● SOURCE DATA:
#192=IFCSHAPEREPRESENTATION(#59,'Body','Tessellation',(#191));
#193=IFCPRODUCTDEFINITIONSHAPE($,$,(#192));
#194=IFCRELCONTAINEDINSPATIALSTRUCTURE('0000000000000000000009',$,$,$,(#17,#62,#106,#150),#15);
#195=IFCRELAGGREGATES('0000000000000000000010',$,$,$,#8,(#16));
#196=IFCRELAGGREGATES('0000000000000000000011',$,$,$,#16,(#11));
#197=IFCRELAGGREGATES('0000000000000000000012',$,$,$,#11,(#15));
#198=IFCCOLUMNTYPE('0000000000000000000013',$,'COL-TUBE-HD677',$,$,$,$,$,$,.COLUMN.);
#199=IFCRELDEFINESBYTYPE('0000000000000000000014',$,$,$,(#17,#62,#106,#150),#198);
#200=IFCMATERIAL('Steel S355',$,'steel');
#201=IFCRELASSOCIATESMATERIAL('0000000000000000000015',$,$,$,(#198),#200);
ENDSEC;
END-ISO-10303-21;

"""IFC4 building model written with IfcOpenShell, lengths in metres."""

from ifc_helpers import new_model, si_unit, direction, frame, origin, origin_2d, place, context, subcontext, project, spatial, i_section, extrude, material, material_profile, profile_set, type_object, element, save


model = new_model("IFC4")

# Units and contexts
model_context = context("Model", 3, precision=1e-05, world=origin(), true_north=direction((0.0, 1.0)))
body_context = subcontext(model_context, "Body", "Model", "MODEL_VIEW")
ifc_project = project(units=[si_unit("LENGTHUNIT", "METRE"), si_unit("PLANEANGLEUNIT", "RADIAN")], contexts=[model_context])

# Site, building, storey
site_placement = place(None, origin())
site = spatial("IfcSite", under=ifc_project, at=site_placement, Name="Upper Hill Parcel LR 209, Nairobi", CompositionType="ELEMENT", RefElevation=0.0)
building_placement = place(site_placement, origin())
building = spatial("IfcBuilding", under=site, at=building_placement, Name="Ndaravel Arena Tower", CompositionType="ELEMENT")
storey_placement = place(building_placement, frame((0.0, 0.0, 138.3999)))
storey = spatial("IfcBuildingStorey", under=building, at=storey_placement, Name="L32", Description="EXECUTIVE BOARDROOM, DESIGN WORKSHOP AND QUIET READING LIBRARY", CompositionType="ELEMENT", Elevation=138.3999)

● WHAT YOU NEED TO DO: Reproduce the entries above in full and exactly.

● RESULT OF THE TASK:
#192=IFCSHAPEREPRESENTATION(#59,'Body','Tessellation',(#191));
#193=IFCPRODUCTDEFINITIONSHAPE($,$,(#192));
#194=IFCRELCONTAINEDINSPATIALSTRUCTURE('0000000000000000000009',$,$,$,(#17,#62,#106,#150),#15);
#195=IFCRELAGGREGATES('0000000000000000000010',$,$,$,#8,(#16));
#196=IFCRELAGGREGATES('0000000000000000000011',$,$,$,#16,(#11));
#197=IFCRELAGGREGATES('0000000000000000000012',$,$,$,#11,(#15));
#198=IFCCOLUMNTYPE('0000000000000000000013',$,'COL-TUBE-HD677',$,$,$,$,$,$,.COLUMN.);
#199=IFCRELDEFINESBYTYPE('0000000000000000000014',$,$,$,(#17,#62,#106,#150),#198);
#200=IFCMATERIAL('Steel S355',$,'steel');
#201=IFCRELASSOCIATESMATERIAL('0000000000000000000015',$,$,$,(#198),#200);
ENDSEC;
END-ISO-10303-21;

"""IFC4 building model written with IfcOpenShell, lengths in metres."""

from ifc_helpers import new_model, si_unit, direction, frame, origin, origin_2d, place, context, subcontext, project, spatial, i_section, extrude, material, material_profile, profile_set, type_object, element, save


model = new_model("IFC4")

# Units and contexts
model_context = context("Model", 3, precision=1e-05, world=origin(), true_north=direction((0.0, 1.0)))
body_context = subcontext(model_context, "Body", "Model", "MODEL_VIEW")
ifc_project = project(units=[si_unit("LENGTHUNIT", "METRE"), si_unit("PLANEANGLEUNIT", "RADIAN")], contexts=[model_context])

# Site, building, storey
site_placement = place(None, origin())
site = spatial("IfcSite", under=ifc_project, at=site_placement, Name="Upper Hill Parcel LR 209, Nairobi", CompositionType="ELEMENT", RefElevation=0.0)
building_placement = place(site_placement, origin())
building = spatial("IfcBuilding", under=site, at=building_placement, Name="Ndaravel Arena Tower", CompositionType="ELEMENT")
storey_placement = place(building_placement, frame((0.0, 0.0, 138.3999)))
storey = spatial("IfcBuildingStorey", under=building, at=storey_placement, Name="L32", Description="EXECUTIVE BOARDROOM, DESIGN WORKSHOP AND QUIET READING LIBRARY", CompositionType="ELEMENT", Elevation=138.3999)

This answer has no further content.